[Stored records]

Start of Block

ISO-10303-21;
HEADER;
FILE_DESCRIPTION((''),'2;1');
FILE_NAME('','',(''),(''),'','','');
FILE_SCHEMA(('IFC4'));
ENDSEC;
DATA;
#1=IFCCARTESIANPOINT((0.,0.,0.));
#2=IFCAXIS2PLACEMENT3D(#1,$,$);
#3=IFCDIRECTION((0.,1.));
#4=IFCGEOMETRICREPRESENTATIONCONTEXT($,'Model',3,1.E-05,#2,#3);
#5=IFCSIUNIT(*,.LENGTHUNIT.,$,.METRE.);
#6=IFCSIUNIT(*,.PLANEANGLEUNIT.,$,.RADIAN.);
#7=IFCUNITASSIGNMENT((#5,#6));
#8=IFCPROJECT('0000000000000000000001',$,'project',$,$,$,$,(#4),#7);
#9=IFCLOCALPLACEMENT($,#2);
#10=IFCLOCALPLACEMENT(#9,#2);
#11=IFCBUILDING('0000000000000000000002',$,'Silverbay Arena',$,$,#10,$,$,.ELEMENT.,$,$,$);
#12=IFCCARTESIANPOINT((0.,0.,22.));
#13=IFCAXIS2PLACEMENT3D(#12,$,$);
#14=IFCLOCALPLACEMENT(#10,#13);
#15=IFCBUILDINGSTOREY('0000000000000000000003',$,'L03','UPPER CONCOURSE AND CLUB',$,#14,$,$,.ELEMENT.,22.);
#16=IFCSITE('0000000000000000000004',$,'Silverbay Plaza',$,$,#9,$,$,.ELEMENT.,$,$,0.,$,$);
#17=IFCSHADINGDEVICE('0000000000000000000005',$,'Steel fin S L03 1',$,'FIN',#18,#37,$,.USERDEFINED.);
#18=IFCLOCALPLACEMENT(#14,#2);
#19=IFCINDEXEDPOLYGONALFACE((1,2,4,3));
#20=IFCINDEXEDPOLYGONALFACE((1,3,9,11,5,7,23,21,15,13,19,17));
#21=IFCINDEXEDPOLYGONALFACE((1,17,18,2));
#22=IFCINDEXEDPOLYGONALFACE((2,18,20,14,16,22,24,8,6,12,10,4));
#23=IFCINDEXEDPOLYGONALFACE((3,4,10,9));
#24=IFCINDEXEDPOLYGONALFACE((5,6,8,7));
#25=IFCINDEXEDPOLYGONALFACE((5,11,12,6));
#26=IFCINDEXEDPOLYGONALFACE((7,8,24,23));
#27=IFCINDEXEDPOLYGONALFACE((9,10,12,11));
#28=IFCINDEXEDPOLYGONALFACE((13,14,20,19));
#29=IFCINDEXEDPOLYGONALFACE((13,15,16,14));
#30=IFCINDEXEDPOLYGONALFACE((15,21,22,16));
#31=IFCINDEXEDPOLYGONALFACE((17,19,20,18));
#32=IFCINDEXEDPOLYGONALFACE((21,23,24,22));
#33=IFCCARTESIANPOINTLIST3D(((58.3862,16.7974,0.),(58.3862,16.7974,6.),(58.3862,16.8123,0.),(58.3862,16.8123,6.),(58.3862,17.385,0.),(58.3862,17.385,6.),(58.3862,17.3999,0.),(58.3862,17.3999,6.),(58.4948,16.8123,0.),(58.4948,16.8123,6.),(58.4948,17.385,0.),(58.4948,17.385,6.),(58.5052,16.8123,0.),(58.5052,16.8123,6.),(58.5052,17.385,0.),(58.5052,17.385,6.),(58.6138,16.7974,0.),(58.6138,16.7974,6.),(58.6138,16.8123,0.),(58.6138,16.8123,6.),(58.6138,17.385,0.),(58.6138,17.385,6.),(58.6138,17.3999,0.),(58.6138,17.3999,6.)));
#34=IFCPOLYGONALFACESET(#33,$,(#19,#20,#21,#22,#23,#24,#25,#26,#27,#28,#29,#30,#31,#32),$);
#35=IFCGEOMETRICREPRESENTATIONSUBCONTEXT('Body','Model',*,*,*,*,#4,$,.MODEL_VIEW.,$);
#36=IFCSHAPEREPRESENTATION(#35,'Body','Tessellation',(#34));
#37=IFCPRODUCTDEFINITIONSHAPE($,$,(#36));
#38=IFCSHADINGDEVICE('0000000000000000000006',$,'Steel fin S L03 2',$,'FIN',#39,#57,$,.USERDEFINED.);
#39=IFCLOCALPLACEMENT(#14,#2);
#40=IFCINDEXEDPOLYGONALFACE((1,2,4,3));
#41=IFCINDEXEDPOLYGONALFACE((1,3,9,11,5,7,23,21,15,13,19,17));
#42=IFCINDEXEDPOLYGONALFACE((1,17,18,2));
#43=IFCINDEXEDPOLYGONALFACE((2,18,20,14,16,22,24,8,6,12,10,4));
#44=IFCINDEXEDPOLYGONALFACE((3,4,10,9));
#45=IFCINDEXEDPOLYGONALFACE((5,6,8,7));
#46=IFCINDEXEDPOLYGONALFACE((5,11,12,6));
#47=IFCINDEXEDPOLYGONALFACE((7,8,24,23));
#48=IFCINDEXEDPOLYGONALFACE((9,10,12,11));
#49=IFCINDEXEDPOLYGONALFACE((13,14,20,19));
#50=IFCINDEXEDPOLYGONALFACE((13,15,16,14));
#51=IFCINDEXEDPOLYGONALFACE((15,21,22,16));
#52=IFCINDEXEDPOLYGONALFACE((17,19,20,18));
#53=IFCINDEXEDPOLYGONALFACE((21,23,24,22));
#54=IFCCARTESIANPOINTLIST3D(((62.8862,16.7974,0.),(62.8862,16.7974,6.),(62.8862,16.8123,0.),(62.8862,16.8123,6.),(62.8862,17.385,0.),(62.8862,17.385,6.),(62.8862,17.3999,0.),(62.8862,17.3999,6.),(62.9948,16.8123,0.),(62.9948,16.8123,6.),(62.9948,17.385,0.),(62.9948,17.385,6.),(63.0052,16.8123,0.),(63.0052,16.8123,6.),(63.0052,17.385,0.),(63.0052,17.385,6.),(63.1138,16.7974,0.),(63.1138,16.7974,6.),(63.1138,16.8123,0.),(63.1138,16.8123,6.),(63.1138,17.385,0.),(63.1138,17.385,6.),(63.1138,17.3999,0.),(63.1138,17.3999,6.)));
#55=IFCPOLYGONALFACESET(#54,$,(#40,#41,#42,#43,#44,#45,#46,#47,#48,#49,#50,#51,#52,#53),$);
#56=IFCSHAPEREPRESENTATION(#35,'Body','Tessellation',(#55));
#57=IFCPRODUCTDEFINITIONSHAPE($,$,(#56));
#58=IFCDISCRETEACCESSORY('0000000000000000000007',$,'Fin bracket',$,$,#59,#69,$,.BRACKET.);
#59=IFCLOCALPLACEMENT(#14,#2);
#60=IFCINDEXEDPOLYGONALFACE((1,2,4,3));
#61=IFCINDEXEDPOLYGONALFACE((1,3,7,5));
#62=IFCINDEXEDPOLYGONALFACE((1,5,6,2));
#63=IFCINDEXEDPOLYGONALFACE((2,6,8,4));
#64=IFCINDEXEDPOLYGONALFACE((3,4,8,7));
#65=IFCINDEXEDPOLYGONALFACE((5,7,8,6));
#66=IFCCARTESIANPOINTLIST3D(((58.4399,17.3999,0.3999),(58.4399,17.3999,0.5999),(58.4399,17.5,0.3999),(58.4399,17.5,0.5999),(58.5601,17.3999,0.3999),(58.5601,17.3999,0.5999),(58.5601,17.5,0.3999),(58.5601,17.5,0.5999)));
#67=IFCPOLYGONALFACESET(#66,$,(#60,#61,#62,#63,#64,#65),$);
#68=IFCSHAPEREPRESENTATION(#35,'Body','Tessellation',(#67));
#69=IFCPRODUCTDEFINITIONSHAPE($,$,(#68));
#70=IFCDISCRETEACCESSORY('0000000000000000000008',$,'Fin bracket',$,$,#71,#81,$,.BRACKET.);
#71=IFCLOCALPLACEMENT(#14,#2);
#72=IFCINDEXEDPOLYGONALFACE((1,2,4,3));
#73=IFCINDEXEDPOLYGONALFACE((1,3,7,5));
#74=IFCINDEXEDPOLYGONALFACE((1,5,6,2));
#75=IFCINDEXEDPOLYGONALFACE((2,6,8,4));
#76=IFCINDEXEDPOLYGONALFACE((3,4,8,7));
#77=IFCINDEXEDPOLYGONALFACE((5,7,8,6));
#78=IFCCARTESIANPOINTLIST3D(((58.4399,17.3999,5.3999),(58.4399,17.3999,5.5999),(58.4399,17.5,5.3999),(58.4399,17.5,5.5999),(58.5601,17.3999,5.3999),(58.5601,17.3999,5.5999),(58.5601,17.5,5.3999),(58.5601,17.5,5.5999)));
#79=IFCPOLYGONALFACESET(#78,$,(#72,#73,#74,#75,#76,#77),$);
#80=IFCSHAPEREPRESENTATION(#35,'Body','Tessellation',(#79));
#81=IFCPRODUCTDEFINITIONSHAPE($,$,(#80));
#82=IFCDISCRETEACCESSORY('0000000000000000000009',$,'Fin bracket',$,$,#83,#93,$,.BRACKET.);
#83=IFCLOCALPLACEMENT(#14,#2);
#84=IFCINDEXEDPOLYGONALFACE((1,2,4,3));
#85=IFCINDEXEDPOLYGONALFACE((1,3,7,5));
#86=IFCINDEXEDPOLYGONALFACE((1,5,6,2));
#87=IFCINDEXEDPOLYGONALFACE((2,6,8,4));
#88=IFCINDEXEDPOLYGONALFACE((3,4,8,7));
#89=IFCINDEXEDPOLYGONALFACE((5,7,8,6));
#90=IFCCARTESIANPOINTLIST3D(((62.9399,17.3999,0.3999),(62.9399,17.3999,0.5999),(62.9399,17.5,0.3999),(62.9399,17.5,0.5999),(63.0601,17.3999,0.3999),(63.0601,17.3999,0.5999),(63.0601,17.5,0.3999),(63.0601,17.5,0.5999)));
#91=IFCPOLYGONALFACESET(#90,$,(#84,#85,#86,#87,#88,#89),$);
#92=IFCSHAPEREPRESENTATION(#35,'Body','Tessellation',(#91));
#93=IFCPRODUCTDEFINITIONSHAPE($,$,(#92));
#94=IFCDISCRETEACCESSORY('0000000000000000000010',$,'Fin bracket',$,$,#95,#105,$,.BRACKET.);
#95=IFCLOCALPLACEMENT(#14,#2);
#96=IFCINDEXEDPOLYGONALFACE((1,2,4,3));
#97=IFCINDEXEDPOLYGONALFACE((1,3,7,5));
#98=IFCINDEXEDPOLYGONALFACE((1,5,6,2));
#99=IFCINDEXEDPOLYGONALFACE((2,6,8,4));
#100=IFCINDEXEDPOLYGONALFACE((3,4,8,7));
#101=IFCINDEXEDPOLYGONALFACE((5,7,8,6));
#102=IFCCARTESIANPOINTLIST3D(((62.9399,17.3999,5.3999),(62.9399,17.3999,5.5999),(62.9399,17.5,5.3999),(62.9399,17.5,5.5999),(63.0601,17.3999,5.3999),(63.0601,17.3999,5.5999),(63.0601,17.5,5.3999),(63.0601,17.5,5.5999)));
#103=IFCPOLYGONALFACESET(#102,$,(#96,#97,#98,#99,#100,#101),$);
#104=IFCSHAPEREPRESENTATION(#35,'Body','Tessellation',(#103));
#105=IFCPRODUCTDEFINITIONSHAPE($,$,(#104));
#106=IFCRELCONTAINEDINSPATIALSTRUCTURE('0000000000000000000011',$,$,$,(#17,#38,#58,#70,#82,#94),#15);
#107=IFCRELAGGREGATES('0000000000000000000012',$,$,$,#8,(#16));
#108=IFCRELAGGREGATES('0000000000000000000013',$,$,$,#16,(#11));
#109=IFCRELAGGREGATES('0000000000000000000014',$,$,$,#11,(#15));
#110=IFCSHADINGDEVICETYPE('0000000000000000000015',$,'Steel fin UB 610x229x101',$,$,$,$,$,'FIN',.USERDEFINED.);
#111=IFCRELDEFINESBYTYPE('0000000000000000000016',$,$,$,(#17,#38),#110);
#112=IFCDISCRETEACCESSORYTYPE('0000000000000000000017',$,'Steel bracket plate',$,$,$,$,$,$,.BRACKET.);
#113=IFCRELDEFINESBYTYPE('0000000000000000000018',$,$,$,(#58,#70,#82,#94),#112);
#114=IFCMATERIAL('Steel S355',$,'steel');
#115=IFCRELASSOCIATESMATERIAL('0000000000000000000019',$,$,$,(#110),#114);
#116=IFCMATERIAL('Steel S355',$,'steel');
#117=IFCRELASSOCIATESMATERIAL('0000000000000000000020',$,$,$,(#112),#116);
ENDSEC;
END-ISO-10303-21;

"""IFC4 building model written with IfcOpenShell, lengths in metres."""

from ifc_helpers import new_model, si_unit, direction, frame, origin, origin_2d, place, context, subcontext, project, spatial, rectangle, i_section, extrude, material, material_profile, profile_set, type_object, element, save


model = new_model("IFC4")

# Units and contexts
model_context = context("Model", 3, precision=1e-05, world=origin(), true_north=direction((0.0, 1.0)))
body_context = subcontext(model_context, "Body", "Model", "MODEL_VIEW")
ifc_project = project(units=[si_unit("LENGTHUNIT", "METRE"), si_unit("PLANEANGLEUNIT", "RADIAN")], contexts=[model_context])

# Site, building, storey
site_placement = place(None, origin())
site = spatial("IfcSite", under=ifc_project, at=site_placement, Name="Silverbay Plaza", CompositionType="ELEMENT", RefElevation=0.0)
building_placement = place(site_placement, origin())
building = spatial("IfcBuilding", under=site, at=building_placement, Name="Silverbay Arena", CompositionType="ELEMENT")
storey_placement = place(building_placement, frame((0.0, 0.0, 22.0)))
storey = spatial("IfcBuildingStorey", under=building, at=storey_placement, Name="L03", Description="UPPER CONCOURSE AND CLUB", CompositionType="ELEMENT", Elevation=22.0)

# Shading devices
ifc_material_1 = material(Name="Steel S355", Category="steel")
ifc_material_profile_1 = material_profile(ifc_material_1, i_section(OverallWidth=0.2275, OverallDepth=0.6025, WebThickness=0.0105, FlangeThickness=0.0149, at=origin_2d()), Name="UB 610x229x101")
ifc_profile_set_1 = profile_set([ifc_material_profile_1], Name="Steel S355")
shading_device_type = type_object("IfcShadingDeviceType", Name="Steel fin UB 610x229x101", ElementType="FIN", PredefinedType="USERDEFINED", material=ifc_profile_set_1)
for number, where, z_axis, x_axis, name in (
    (1, (58.5, 17.0986, 0.0), (0.0, 0.0, 1.0), (1.0, 0.0, 0.0), "Steel fin S L03 1"),
    (2, (63.0, 17.0986, 0.0), (0.0, 0.0, 1.0), (1.0, 0.0, 0.0), "Steel fin S L03 2"),
):
    element("IfcShadingDevice", number, at=place(storey_placement, frame(where, z_axis=z_axis, x_axis=x_axis)), inside=storey, type_object=shading_device_type, Name=name, ObjectType="FIN", PredefinedType="USERDEFINED", context=body_context, shape_type="SweptSolid", body=[
        extrude(i_section(OverallWidth=0.2275, OverallDepth=0.6025, WebThickness=0.0105, FlangeThickness=0.0149, at=origin_2d()), origin(), (0.0, 0.0, 1.0), 6.0),
    ])

# Discrete accessories
ifc_material_2 = material(Name="Steel S355", Category="steel")
discrete_accessory_type = type_object("IfcDiscreteAccessoryType", Name="Steel bracket plate", PredefinedType="BRACKET", material=ifc_material_2)
for number, where, z_axis, x_axis, name in (
    (3, (58.5, 17.45, 0.3999), (0.0, 0.0, 1.0), (1.0, 0.0, 0.0), "Fin bracket"),
    (4, (58.5, 17.45, 5.3999), (0.0, 0.0, 1.0), (1.0, 0.0, 0.0), "Fin bracket"),
    (5, (63.0, 17.45, 0.3999), (0.0, 0.0, 1.0), (1.0, 0.0, 0.0), "Fin bracket"),
    (6, (63.0, 17.45, 5.3999), (0.0, 0.0, 1.0), (1.0, 0.0, 0.0), "Fin bracket"),
):
    element("IfcDiscreteAccessory", number, at=place(storey_placement, frame(where, z_axis=z_axis, x_axis=x_axis)), inside=storey, type_object=discrete_accessory_type, Name=name, PredefinedType="BRACKET", context=body_context, shape_type="SweptSolid", body=[
        extrude(rectangle(XDim=0.1201, YDim=0.1001, at=origin_2d()), origin(), (0.0, 0.0, 1.0), 0.2),
    ])

save(model, "model.ifc")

End of Block

■ Work request ■
All lines above with the word "IFCRELASSOCIATESMATERIAL" need to be reported.

■ Solution below ■
#115=IFCRELASSOCIATESMATERIAL('0000000000000000000019',$,$,$,(#110),#114);
#117=IFCRELASSOCIATESMATERIAL('0000000000000000000020',$,$,$,(#112),#116);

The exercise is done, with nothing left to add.